▸ ASSIGNMENT:
Once the line containing "#205=IFCMATERIALLAYER(#204,0.22,$,$,$,$,$);" is found in the entries below, reproduce it and every line after it, stopping at and including the line containing "#209=IFCMATERIAL('Steel S355J2 (IS"; reproduce nothing else, and keep each line exact.

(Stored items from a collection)
◆ ◆ ◆ ◆ ◆ ◆ ◆

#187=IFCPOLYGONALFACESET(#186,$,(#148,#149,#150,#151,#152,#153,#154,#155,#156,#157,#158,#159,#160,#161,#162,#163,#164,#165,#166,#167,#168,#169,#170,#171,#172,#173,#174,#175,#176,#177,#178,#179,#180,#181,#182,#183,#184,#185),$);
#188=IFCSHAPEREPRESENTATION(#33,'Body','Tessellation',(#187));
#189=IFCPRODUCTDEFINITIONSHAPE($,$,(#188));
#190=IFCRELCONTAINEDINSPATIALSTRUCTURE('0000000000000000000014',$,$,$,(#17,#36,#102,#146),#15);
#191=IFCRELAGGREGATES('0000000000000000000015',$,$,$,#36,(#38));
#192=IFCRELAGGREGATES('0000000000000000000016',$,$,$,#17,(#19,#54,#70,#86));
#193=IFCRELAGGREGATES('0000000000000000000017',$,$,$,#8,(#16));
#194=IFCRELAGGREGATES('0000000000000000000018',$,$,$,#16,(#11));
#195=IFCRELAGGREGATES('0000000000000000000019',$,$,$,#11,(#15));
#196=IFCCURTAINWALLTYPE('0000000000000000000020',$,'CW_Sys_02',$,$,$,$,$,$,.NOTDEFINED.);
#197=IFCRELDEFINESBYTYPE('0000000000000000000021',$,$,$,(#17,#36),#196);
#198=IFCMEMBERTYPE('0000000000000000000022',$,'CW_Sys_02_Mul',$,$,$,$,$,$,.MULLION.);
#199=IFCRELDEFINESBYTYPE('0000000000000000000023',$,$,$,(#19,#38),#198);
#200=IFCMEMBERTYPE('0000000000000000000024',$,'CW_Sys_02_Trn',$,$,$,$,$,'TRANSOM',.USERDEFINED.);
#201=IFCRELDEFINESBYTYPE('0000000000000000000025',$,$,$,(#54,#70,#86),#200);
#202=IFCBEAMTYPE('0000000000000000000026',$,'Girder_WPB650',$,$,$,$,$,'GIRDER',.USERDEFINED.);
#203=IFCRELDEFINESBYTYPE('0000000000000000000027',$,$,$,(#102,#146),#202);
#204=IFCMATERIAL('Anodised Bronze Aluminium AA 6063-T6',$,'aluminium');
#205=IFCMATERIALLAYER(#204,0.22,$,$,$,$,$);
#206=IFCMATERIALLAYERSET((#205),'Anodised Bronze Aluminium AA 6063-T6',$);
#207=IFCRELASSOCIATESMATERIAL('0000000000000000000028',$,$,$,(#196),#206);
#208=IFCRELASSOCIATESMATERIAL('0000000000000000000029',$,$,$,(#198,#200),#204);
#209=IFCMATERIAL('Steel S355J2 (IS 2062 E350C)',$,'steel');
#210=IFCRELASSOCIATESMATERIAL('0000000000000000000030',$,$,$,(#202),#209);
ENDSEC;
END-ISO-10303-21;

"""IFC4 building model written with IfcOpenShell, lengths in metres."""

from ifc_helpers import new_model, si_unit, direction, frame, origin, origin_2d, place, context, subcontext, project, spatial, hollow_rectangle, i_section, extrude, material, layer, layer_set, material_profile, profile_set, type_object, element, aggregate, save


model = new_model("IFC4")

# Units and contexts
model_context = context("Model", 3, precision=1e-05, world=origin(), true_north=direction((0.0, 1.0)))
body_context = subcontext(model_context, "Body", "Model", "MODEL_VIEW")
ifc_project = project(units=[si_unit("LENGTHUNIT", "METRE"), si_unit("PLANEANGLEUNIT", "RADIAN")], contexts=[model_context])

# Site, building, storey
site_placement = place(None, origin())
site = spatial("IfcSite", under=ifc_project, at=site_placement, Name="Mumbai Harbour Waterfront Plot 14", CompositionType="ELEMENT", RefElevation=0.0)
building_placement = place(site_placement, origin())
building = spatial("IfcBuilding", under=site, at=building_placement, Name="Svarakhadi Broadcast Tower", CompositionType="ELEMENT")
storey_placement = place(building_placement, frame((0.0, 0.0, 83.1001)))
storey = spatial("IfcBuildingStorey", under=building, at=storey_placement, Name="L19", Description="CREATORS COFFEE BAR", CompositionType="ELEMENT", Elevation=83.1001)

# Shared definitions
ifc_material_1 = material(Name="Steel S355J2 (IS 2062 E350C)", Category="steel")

◆ ◆ ◆ ◆ ◆ ◆ ◆

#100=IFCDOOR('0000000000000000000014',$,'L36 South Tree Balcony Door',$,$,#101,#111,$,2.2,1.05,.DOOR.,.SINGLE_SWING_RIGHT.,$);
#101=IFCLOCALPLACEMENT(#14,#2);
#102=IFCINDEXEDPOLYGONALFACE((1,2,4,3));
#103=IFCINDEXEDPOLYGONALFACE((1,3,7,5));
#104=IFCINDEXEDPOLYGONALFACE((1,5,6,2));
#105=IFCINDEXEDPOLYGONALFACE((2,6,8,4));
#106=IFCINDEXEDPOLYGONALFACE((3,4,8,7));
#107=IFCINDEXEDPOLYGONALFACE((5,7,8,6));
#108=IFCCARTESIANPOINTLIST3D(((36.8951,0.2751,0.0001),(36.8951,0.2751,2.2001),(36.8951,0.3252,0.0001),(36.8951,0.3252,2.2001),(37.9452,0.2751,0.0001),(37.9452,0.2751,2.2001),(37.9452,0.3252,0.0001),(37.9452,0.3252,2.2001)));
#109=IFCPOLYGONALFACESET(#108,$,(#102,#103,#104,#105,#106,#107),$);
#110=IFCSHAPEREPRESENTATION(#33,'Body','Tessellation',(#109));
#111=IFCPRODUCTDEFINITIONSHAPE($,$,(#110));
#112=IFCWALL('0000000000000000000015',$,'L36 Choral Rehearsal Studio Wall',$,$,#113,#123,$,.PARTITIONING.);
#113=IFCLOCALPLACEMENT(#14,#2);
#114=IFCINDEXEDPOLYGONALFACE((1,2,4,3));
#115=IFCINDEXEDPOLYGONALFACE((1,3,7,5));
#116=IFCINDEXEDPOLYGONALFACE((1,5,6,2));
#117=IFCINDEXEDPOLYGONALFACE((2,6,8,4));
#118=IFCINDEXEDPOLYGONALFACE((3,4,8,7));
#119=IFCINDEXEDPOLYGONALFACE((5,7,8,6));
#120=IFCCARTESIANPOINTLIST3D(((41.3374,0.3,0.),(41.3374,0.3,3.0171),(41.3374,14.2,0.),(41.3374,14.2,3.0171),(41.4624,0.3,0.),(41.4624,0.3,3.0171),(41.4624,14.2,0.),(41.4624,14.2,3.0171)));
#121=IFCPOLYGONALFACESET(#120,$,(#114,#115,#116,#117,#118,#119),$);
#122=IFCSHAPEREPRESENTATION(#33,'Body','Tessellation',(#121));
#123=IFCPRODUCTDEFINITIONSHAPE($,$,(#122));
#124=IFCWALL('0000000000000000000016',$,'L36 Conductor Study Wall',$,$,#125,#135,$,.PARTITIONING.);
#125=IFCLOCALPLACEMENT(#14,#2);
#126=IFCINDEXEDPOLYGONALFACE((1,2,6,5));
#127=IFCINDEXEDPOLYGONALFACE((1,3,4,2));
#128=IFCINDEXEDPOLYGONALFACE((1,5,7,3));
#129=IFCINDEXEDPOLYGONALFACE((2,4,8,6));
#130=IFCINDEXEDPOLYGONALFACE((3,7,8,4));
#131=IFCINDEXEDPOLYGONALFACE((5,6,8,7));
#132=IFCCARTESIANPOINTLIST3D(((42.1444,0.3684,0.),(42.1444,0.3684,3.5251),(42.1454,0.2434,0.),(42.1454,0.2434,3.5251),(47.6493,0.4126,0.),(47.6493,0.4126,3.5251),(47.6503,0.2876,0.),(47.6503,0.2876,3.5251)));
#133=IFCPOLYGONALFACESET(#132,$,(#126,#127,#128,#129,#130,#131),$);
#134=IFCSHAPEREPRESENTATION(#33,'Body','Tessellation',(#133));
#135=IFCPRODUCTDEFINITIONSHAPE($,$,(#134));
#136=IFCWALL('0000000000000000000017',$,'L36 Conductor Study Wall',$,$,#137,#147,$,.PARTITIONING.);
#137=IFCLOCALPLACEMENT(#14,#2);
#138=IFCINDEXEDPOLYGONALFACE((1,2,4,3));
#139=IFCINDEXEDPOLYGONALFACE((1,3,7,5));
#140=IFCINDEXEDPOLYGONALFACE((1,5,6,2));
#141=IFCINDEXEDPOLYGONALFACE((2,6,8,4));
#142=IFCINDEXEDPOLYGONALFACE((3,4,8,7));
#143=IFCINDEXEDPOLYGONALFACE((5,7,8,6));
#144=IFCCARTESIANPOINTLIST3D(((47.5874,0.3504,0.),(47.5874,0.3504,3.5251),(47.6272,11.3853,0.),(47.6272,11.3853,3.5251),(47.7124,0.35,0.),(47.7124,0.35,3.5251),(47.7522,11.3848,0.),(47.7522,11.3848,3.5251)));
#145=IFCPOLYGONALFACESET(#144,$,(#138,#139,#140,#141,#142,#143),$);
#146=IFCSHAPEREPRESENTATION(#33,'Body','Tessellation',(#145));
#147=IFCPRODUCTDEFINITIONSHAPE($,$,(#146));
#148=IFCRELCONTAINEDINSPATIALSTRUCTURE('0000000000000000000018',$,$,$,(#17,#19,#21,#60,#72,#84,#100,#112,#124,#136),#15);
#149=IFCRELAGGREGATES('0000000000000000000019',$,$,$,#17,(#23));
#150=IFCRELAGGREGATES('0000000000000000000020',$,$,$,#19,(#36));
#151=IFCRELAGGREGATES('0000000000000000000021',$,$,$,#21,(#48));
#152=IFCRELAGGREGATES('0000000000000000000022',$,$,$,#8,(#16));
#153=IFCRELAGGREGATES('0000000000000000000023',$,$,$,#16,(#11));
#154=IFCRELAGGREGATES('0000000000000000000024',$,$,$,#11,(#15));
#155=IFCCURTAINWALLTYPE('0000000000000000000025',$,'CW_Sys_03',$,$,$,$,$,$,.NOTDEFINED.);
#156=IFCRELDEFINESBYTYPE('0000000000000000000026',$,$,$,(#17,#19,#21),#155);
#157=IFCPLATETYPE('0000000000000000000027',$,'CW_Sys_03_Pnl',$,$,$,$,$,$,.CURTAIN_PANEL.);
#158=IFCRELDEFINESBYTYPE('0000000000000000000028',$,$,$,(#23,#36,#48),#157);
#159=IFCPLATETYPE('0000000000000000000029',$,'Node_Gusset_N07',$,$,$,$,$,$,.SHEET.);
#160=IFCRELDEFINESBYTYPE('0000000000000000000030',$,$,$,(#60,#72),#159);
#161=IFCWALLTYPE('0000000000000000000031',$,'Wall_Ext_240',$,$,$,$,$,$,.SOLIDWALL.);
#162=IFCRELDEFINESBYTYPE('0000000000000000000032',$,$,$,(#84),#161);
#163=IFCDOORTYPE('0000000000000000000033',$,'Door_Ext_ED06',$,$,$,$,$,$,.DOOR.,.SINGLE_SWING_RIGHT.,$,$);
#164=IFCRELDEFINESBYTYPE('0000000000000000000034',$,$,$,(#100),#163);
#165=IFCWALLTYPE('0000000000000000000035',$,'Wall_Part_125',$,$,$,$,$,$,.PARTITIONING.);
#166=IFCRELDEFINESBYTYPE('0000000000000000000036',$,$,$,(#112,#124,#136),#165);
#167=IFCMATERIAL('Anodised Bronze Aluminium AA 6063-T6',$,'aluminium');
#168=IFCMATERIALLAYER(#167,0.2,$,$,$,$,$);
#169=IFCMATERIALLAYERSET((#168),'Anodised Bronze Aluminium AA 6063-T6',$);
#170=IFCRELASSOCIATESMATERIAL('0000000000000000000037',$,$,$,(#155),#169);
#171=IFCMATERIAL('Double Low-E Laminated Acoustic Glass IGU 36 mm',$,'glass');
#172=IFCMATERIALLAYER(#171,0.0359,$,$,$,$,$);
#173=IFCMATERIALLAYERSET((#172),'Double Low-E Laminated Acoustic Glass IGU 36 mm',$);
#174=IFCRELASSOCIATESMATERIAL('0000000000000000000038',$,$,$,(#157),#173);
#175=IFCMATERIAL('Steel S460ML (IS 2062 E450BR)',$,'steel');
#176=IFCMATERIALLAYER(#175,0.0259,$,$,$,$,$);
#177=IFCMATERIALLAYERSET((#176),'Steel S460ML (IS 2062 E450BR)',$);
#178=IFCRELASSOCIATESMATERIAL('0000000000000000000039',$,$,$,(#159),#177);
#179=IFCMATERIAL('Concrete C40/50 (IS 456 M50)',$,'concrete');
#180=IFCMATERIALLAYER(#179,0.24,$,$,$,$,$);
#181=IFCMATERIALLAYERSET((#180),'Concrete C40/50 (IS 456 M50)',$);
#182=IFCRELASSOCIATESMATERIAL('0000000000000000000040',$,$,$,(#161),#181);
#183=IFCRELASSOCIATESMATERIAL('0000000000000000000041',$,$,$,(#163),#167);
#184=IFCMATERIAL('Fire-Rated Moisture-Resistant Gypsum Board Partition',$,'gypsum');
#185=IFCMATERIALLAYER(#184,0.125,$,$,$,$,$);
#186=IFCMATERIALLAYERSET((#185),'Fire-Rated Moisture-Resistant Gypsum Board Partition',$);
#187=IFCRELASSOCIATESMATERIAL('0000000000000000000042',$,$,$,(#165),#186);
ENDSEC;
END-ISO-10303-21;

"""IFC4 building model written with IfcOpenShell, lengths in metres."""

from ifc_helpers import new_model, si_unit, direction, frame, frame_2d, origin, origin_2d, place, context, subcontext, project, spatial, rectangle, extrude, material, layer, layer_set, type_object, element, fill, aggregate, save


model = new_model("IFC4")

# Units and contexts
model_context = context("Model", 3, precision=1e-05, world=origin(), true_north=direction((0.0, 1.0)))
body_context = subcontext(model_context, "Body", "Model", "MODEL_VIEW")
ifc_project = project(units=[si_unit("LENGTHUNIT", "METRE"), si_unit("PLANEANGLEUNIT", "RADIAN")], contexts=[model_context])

◆ ◆ ◆ ◆ ◆ ◆ ◆

▸ EXERCISE RESULT:
#205=IFCMATERIALLAYER(#204,0.22,$,$,$,$,$);
#206=IFCMATERIALLAYERSET((#205),'Anodised Bronze Aluminium AA 6063-T6',$);
#207=IFCRELASSOCIATESMATERIAL('0000000000000000000028',$,$,$,(#196),#206);
#208=IFCRELASSOCIATESMATERIAL('0000000000000000000029',$,$,$,(#198,#200),#204);
#209=IFCMATERIAL('Steel S355J2 (IS 2062 E350C)',$,'steel');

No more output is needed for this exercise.